**Task directions**
From the entries below, reproduce exactly the line containing "#54=IFCINDEXEDPOLYGONALFACE((1,5,6,2));", the line containing "#18=IFCLOCALPLACEMENT(#14,#2);", and every line in between, with nothing added.
Top of Data to use
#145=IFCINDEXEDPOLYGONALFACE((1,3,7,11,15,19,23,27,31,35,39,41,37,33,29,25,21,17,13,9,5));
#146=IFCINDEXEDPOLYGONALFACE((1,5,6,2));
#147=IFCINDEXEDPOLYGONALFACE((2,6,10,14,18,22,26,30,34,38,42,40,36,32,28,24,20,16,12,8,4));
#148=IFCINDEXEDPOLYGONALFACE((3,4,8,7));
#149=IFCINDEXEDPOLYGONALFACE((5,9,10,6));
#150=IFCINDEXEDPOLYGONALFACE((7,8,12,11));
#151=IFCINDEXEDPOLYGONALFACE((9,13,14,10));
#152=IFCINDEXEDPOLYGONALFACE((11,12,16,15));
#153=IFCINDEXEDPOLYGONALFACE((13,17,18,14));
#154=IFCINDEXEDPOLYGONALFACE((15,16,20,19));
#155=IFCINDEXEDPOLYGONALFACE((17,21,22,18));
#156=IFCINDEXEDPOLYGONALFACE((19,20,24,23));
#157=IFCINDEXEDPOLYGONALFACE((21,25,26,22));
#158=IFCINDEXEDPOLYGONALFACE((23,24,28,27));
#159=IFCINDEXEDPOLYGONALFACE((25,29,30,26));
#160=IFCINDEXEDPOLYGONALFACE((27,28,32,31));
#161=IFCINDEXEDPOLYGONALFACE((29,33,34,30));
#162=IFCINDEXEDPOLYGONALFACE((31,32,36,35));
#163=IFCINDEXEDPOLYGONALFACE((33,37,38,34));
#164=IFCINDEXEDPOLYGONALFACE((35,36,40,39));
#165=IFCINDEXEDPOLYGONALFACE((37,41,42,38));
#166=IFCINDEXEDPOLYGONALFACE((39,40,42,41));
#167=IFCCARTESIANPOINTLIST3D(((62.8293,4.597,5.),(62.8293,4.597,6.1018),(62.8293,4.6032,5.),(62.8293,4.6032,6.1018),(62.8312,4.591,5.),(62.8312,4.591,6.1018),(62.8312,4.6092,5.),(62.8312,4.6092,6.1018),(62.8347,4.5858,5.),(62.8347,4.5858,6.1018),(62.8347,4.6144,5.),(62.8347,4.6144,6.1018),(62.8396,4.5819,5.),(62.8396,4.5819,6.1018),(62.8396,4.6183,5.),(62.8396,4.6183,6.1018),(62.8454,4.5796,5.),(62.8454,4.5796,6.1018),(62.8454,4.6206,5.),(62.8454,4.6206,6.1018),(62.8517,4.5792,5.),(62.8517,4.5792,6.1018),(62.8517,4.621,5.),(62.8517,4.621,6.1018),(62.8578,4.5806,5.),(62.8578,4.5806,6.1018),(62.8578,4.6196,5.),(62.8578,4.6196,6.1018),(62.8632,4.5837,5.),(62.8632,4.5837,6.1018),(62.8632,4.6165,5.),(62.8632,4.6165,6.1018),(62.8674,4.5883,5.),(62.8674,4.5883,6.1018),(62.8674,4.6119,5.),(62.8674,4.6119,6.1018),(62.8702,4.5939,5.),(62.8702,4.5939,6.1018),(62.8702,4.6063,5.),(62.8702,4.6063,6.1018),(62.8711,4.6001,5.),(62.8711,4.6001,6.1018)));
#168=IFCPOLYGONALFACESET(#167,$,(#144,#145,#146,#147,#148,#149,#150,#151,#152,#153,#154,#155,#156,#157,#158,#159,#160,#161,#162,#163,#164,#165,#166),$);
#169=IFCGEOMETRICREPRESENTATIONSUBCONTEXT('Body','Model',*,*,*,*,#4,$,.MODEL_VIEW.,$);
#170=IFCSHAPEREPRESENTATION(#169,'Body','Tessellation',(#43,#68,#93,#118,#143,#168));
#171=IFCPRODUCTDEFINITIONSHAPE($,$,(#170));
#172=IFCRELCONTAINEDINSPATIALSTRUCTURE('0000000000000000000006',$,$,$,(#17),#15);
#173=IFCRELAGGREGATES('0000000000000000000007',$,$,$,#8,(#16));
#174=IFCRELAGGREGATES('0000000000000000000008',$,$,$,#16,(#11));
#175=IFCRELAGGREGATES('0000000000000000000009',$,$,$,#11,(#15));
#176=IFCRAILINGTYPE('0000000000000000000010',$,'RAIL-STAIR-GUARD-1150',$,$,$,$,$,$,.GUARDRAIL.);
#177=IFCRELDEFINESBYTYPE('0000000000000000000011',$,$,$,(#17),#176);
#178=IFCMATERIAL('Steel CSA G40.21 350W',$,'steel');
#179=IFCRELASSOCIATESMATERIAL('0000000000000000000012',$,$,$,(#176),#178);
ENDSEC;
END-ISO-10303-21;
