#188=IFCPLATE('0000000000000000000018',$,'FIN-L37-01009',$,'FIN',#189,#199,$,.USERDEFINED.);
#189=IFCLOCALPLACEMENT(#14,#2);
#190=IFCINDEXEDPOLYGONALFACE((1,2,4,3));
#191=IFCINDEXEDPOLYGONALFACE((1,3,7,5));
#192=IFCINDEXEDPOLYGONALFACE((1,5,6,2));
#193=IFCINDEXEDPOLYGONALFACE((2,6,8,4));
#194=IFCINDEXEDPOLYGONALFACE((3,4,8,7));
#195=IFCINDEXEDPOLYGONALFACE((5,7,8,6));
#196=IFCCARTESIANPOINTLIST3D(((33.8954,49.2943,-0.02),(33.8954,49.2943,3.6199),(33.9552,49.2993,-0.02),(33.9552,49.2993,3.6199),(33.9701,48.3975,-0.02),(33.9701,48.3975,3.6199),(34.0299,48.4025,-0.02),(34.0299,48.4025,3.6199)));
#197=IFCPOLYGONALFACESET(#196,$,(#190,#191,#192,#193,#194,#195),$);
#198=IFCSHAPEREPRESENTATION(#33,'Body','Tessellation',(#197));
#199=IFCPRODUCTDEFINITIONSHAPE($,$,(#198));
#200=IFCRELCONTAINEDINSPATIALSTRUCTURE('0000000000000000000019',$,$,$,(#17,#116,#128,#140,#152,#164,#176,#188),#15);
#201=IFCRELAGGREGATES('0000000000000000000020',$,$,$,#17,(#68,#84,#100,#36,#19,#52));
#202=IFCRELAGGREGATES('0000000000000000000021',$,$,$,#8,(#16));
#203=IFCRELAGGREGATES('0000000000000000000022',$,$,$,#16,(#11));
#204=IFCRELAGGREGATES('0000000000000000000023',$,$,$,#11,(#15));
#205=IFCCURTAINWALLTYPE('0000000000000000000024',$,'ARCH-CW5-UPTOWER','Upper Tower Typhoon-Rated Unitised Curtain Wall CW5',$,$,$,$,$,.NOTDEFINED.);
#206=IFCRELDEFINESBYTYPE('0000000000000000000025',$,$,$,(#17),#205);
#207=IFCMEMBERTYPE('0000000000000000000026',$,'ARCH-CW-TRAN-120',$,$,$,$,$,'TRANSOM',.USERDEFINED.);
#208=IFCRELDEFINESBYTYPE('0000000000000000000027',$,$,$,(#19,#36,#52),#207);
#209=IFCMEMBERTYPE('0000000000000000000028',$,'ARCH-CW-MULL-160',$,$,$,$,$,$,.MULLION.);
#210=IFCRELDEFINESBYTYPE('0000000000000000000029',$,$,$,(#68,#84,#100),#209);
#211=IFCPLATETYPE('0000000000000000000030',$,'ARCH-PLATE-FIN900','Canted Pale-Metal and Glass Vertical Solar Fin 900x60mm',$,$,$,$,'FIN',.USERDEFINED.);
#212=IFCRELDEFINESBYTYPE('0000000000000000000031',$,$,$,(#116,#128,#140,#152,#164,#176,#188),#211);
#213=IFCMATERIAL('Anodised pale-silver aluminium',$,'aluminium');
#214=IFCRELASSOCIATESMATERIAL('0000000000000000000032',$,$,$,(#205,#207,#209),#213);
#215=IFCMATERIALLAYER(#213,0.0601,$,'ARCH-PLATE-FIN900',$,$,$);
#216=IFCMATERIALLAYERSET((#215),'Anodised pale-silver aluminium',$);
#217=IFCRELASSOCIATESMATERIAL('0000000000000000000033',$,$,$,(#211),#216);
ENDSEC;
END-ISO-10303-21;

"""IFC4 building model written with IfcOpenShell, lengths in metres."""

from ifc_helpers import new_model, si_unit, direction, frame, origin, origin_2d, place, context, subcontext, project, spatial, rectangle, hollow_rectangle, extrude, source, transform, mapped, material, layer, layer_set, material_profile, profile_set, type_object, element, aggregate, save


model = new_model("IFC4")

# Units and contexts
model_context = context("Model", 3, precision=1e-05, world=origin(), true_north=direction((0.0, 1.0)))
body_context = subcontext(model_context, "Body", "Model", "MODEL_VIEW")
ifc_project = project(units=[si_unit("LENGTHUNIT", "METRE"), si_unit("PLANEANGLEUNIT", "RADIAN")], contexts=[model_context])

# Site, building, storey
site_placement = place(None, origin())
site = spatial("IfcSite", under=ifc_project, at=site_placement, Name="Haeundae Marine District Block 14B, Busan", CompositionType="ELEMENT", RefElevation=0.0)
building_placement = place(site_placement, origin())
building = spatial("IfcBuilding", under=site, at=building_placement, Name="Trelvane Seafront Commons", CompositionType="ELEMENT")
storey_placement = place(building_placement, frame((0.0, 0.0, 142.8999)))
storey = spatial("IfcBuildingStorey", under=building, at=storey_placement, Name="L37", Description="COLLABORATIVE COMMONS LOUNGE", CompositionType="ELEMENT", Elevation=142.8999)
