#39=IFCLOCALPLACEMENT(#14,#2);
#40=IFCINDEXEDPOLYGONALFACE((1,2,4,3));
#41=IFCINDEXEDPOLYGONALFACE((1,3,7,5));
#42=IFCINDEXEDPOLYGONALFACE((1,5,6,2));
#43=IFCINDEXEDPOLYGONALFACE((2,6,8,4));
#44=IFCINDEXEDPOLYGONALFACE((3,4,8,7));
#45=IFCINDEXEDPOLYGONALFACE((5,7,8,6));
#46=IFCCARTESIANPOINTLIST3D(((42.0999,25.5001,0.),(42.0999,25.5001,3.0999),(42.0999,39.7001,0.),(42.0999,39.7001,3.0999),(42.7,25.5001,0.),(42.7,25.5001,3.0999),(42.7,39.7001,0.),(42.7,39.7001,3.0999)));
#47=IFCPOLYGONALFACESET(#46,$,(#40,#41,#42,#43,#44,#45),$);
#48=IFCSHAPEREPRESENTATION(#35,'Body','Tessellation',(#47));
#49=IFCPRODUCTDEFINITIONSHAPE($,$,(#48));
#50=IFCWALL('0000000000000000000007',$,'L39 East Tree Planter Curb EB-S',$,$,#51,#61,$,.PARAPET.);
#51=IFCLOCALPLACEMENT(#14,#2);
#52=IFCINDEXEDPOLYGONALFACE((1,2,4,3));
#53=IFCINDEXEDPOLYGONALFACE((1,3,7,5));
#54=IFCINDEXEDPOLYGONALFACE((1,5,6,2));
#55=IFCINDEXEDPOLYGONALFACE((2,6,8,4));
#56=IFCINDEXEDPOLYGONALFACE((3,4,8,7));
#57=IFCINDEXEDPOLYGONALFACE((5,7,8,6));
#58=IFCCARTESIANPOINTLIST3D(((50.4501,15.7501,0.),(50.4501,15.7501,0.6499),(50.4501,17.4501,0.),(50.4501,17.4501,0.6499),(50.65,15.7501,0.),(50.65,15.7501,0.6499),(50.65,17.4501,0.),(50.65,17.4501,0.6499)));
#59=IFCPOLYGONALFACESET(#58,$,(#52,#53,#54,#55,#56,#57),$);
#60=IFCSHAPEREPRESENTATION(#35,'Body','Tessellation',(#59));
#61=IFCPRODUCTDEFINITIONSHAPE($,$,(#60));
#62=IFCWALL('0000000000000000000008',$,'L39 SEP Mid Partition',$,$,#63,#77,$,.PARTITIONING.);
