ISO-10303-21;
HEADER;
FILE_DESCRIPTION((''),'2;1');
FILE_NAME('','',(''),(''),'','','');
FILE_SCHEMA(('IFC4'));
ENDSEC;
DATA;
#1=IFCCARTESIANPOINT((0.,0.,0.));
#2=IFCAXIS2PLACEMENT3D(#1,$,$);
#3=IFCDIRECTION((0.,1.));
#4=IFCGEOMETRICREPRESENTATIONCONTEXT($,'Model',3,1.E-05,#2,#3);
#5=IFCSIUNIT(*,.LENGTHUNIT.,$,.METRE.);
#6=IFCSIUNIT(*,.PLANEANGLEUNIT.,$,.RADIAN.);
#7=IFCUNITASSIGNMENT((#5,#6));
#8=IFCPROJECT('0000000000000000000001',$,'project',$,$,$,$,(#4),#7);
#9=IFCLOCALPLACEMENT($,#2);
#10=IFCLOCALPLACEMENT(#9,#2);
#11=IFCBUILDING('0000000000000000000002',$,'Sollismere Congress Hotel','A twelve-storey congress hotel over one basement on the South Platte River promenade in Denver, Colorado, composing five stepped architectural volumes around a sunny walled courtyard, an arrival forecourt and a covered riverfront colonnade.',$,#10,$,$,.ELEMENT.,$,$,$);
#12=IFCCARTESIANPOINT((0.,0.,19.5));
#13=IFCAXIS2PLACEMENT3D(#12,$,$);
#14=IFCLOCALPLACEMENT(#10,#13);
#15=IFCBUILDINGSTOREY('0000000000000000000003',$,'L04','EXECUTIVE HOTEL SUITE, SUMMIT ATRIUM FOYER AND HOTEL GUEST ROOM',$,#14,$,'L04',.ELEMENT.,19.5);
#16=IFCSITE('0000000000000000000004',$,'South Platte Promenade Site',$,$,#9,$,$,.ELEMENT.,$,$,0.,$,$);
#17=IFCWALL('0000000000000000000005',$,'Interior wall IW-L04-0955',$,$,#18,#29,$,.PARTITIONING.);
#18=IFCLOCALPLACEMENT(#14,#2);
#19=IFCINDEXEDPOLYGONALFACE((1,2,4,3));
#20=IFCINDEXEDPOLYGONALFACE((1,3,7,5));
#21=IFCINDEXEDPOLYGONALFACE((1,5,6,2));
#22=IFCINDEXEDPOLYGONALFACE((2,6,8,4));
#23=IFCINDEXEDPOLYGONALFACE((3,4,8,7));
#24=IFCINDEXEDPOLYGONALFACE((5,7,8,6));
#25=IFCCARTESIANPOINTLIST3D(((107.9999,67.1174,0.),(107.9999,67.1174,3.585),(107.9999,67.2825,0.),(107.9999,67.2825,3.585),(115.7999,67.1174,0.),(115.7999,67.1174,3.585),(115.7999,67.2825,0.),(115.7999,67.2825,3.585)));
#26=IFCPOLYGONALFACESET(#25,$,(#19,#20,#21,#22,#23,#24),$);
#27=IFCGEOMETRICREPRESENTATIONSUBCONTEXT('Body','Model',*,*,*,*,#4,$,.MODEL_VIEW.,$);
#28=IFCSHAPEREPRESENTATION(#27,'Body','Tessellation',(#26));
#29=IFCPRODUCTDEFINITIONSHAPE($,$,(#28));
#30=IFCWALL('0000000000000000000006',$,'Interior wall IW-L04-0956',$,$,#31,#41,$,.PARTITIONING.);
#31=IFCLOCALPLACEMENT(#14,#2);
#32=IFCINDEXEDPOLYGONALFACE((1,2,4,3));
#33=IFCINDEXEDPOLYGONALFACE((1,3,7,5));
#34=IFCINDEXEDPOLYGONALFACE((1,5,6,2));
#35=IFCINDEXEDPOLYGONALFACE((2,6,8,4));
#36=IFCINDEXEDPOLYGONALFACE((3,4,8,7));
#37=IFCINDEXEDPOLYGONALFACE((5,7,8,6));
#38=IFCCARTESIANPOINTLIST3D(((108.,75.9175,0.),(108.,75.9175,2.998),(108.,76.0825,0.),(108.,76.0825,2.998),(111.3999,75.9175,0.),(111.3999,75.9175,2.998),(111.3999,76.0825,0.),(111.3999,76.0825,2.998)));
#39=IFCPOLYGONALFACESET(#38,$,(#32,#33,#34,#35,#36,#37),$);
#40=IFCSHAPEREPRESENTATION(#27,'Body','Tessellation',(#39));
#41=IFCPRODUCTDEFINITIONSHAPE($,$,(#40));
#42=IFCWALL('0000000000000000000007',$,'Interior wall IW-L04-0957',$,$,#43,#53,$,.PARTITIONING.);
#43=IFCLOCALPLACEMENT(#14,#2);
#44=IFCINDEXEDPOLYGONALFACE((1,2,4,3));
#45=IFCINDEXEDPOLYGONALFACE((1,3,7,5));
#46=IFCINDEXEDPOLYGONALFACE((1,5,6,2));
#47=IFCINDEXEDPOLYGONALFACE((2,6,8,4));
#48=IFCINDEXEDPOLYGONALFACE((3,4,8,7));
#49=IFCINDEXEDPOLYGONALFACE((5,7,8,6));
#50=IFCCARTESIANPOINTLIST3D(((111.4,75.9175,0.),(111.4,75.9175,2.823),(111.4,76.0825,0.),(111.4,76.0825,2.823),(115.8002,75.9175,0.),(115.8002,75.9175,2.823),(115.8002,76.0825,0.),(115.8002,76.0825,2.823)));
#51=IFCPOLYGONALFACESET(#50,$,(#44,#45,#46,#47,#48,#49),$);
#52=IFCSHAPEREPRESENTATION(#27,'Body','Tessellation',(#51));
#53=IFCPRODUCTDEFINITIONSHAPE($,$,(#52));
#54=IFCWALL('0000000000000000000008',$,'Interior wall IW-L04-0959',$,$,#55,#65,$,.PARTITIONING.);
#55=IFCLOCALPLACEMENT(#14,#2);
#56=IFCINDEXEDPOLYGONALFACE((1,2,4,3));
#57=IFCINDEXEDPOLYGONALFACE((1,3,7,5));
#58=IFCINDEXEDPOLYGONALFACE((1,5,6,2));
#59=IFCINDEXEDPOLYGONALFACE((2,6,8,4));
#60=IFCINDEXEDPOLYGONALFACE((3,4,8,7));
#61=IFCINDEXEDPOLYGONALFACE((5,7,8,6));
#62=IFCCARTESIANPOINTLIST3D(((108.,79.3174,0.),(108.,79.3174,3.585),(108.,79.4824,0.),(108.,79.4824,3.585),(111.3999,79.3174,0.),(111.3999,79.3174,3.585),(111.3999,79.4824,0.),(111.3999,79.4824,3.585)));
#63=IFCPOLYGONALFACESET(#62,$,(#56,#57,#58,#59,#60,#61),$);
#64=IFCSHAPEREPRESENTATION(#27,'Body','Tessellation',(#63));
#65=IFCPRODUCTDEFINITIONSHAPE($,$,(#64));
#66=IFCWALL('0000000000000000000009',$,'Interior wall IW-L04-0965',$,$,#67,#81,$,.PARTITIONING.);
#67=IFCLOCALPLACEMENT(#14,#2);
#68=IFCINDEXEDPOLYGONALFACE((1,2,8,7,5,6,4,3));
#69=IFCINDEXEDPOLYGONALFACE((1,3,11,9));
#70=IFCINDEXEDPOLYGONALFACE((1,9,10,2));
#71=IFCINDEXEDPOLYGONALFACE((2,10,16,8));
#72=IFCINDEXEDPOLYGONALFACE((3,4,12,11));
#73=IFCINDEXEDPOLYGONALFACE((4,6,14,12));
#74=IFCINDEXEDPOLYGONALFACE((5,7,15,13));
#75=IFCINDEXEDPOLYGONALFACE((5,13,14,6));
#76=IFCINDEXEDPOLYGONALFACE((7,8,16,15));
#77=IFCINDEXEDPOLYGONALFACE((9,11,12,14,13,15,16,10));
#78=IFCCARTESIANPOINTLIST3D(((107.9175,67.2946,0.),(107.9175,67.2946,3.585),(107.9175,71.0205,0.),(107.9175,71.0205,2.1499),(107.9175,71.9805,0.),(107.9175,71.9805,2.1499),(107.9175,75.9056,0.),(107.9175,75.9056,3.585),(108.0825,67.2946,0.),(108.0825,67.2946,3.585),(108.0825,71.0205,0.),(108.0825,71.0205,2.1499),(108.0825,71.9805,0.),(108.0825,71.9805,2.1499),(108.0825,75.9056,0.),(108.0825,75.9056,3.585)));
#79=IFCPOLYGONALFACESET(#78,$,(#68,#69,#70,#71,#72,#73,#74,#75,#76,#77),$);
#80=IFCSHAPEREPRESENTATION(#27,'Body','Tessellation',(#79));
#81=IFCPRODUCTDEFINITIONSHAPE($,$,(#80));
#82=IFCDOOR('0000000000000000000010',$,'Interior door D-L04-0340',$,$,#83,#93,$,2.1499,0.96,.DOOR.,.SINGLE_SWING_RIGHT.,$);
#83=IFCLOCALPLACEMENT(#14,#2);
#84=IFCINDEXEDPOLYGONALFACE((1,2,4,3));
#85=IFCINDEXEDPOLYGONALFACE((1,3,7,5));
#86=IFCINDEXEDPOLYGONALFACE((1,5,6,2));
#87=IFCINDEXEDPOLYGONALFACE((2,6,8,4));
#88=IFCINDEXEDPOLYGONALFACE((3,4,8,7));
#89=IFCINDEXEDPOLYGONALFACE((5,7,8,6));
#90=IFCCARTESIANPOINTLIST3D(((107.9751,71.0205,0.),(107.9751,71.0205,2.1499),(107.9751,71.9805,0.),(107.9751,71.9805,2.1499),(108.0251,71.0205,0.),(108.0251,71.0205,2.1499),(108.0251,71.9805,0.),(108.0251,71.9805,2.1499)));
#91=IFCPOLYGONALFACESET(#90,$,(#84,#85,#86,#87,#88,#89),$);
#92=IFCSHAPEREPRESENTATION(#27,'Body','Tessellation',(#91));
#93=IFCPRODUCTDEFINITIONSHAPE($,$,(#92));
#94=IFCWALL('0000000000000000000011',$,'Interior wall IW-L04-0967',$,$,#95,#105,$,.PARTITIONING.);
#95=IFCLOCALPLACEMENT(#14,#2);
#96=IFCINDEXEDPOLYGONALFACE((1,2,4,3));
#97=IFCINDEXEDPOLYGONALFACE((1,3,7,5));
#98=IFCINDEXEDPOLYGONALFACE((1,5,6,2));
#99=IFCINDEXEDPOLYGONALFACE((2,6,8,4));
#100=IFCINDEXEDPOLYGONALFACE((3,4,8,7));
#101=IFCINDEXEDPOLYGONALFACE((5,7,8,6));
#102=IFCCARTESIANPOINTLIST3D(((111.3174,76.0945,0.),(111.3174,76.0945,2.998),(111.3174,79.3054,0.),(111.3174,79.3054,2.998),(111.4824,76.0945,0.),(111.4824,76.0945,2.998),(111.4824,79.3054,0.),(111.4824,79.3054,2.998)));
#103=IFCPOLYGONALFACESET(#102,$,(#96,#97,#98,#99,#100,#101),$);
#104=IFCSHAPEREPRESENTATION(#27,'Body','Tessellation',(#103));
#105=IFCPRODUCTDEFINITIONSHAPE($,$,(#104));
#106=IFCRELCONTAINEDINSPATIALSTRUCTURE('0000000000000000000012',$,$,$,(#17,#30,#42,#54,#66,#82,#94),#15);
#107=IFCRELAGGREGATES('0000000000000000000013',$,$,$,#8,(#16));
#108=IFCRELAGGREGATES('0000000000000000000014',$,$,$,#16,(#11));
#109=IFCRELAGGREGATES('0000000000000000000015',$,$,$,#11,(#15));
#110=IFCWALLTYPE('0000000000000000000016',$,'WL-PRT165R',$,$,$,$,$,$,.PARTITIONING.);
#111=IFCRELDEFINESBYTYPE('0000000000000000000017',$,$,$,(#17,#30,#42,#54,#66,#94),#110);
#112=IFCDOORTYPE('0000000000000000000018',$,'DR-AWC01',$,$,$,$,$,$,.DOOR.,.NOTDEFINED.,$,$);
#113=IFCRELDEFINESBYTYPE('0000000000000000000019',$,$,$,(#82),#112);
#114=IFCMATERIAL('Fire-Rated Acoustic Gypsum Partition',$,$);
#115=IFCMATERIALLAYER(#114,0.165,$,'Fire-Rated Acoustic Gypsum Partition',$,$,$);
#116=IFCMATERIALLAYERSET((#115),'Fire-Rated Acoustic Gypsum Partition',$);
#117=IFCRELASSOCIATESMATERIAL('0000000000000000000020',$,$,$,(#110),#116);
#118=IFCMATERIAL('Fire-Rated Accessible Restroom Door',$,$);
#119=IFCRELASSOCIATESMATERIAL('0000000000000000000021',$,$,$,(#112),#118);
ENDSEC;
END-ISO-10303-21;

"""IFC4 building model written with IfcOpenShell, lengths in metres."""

from ifc_helpers import new_model, si_unit, direction, frame, frame_2d, origin, place, context, subcontext, project, spatial, rectangle, extrude, material, layer, layer_set, type_object, element, fill, save


model = new_model("IFC4")

# Units and contexts
model_context = context("Model", 3, precision=1e-05, world=origin(), true_north=direction((0.0, 1.0)))
body_context = subcontext(model_context, "Body", "Model", "MODEL_VIEW")
ifc_project = project(units=[si_unit("LENGTHUNIT", "METRE"), si_unit("PLANEANGLEUNIT", "RADIAN")], contexts=[model_context])

# Site, building, storey
site_placement = place(None, origin())
site = spatial("IfcSite", under=ifc_project, at=site_placement, Name="South Platte Promenade Site", CompositionType="ELEMENT", RefElevation=0.0)
building_placement = place(site_placement, origin())
building = spatial("IfcBuilding", under=site, at=building_placement, Name="Sollismere Congress Hotel", Description="A twelve-storey congress hotel over one basement on the South Platte River promenade in Denver, Colorado, composing five stepped architectural volumes around a sunny walled courtyard, an arrival forecourt and a covered riverfront colonnade.", CompositionType="ELEMENT")
storey_placement = place(building_placement, frame((0.0, 0.0, 19.5)))
storey = spatial("IfcBuildingStorey", under=building, at=storey_placement, Name="L04", Description="EXECUTIVE HOTEL SUITE, SUMMIT ATRIUM FOYER AND HOTEL GUEST ROOM", LongName="L04", CompositionType="ELEMENT", Elevation=19.5)

# Walls
ifc_material_1 = material(Name="Fire-Rated Acoustic Gypsum Partition")
ifc_layer_1 = layer(ifc_material_1, 0.165, Name="Fire-Rated Acoustic Gypsum Partition")
ifc_layer_set_1 = layer_set([ifc_layer_1], Name="Fire-Rated Acoustic Gypsum Partition")
wall_type_1 = type_object("IfcWallType", Name="WL-PRT165R", PredefinedType="PARTITIONING", material=ifc_layer_set_1)
wall_1_placement = place(storey_placement, frame((108.0, 67.2, 0.0), z_axis=(0.0, 0.0, 1.0), x_axis=(1.0, 0.0, 0.0)))
element("IfcWall", 1, at=wall_1_placement, inside=storey, type_object=wall_type_1, Name="Interior wall IW-L04-0955", PredefinedType="PARTITIONING", context=body_context, shape_type="SweptSolid", body=[
    extrude(rectangle(XDim=7.8, YDim=0.165, at=frame_2d((3.8999, 0.0))), origin(), (0.0, 0.0, 1.0), 3.585),
])
wall_2_placement = place(storey_placement, frame((108.0, 76.0, 0.0), z_axis=(0.0, 0.0, 1.0), x_axis=(1.0, 0.0, 0.0)))
element("IfcWall", 2, at=wall_2_placement, inside=storey, type_object=wall_type_1, Name="Interior wall IW-L04-0956", PredefinedType="PARTITIONING", context=body_context, shape_type="SweptSolid", body=[
    extrude(rectangle(XDim=3.3999, YDim=0.165, at=frame_2d((1.7, 0.0))), origin(), (0.0, 0.0, 1.0), 2.998),
])
wall_3_placement = place(storey_placement, frame((111.3999, 76.0, 0.0), z_axis=(0.0, 0.0, 1.0), x_axis=(1.0, 0.0, 0.0)))
element("IfcWall", 3, at=wall_3_placement, inside=storey, type_object=wall_type_1, Name="Interior wall IW-L04-0957", PredefinedType="PARTITIONING", context=body_context, shape_type="SweptSolid", body=[
    extrude(rectangle(XDim=4.4001, YDim=0.165, at=frame_2d((2.2002, 0.0))), origin(), (0.0, 0.0, 1.0), 2.823),
])
wall_4_placement = place(storey_placement, frame((108.0, 79.3999, 0.0), z_axis=(0.0, 0.0, 1.0), x_axis=(1.0, 0.0, 0.0)))
element("IfcWall", 4, at=wall_4_placement, inside=storey, type_object=wall_type_1, Name="Interior wall IW-L04-0959", PredefinedType="PARTITIONING", context=body_context, shape_type="SweptSolid", body=[
    extrude(rectangle(XDim=3.3999, YDim=0.165, at=frame_2d((1.7, 0.0))), origin(), (0.0, 0.0, 1.0), 3.585),
])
Bottom of Data to use
**Exercise answer**
#54=IFCINDEXEDPOLYGONALFACE((1,5,6,2));
#55=IFCINDEXEDPOLYGONALFACE((2,6,8,4));
#56=IFCINDEXEDPOLYGONALFACE((3,4,8,7));
#57=IFCINDEXEDPOLYGONALFACE((5,7,8,6));
#58=IFCCARTESIANPOINTLIST3D(((50.4501,15.7501,0.),(50.4501,15.7501,0.6499),(50.4501,17.4501,0.),(50.4501,17.4501,0.6499),(50.65,15.7501,0.),(50.65,15.7501,0.6499),(50.65,17.4501,0.),(50.65,17.4501,0.6499)));
#59=IFCPOLYGONALFACESET(#58,$,(#52,#53,#54,#55,#56,#57),$);
#60=IFCSHAPEREPRESENTATION(#35,'Body','Tessellation',(#59));
#61=IFCPRODUCTDEFINITIONSHAPE($,$,(#60));
#62=IFCWALL('0000000000000000000008',$,'L39 SEP Mid Partition',$,$,#63,#77,$,.PARTITIONING.);
ISO-10303-21;
HEADER;
FILE_DESCRIPTION((''),'2;1');
FILE_NAME('','',(''),(''),'','','');
FILE_SCHEMA(('IFC4'));
ENDSEC;
DATA;
#1=IFCCARTESIANPOINT((0.,0.,0.));
#2=IFCAXIS2PLACEMENT3D(#1,$,$);
#3=IFCDIRECTION((0.,1.));
#4=IFCGEOMETRICREPRESENTATIONCONTEXT($,'Model',3,1.E-05,#2,#3);
#5=IFCSIUNIT(*,.LENGTHUNIT.,$,.METRE.);
#6=IFCSIUNIT(*,.PLANEANGLEUNIT.,$,.RADIAN.);
#7=IFCUNITASSIGNMENT((#5,#6));
#8=IFCPROJECT('0000000000000000000001',$,'project',$,$,$,$,(#4),#7);
#9=IFCLOCALPLACEMENT($,#2);
#10=IFCLOCALPLACEMENT(#9,#2);
#11=IFCBUILDING('0000000000000000000002',$,'Sollismere Congress Hotel','A twelve-storey congress hotel over one basement on the South Platte River promenade in Denver, Colorado, composing five stepped architectural volumes around a sunny walled courtyard, an arrival forecourt and a covered riverfront colonnade.',$,#10,$,$,.ELEMENT.,$,$,$);
#12=IFCCARTESIANPOINT((0.,0.,19.5));
#13=IFCAXIS2PLACEMENT3D(#12,$,$);
#14=IFCLOCALPLACEMENT(#10,#13);
#15=IFCBUILDINGSTOREY('0000000000000000000003',$,'L04','EXECUTIVE HOTEL SUITE, SUMMIT ATRIUM FOYER AND HOTEL GUEST ROOM',$,#14,$,'L04',.ELEMENT.,19.5);
#16=IFCSITE('0000000000000000000004',$,'South Platte Promenade Site',$,$,#9,$,$,.ELEMENT.,$,$,0.,$,$);
#17=IFCWALL('0000000000000000000005',$,'Interior wall IW-L04-0955',$,$,#18,#29,$,.PARTITIONING.);
#18=IFCLOCALPLACEMENT(#14,#2);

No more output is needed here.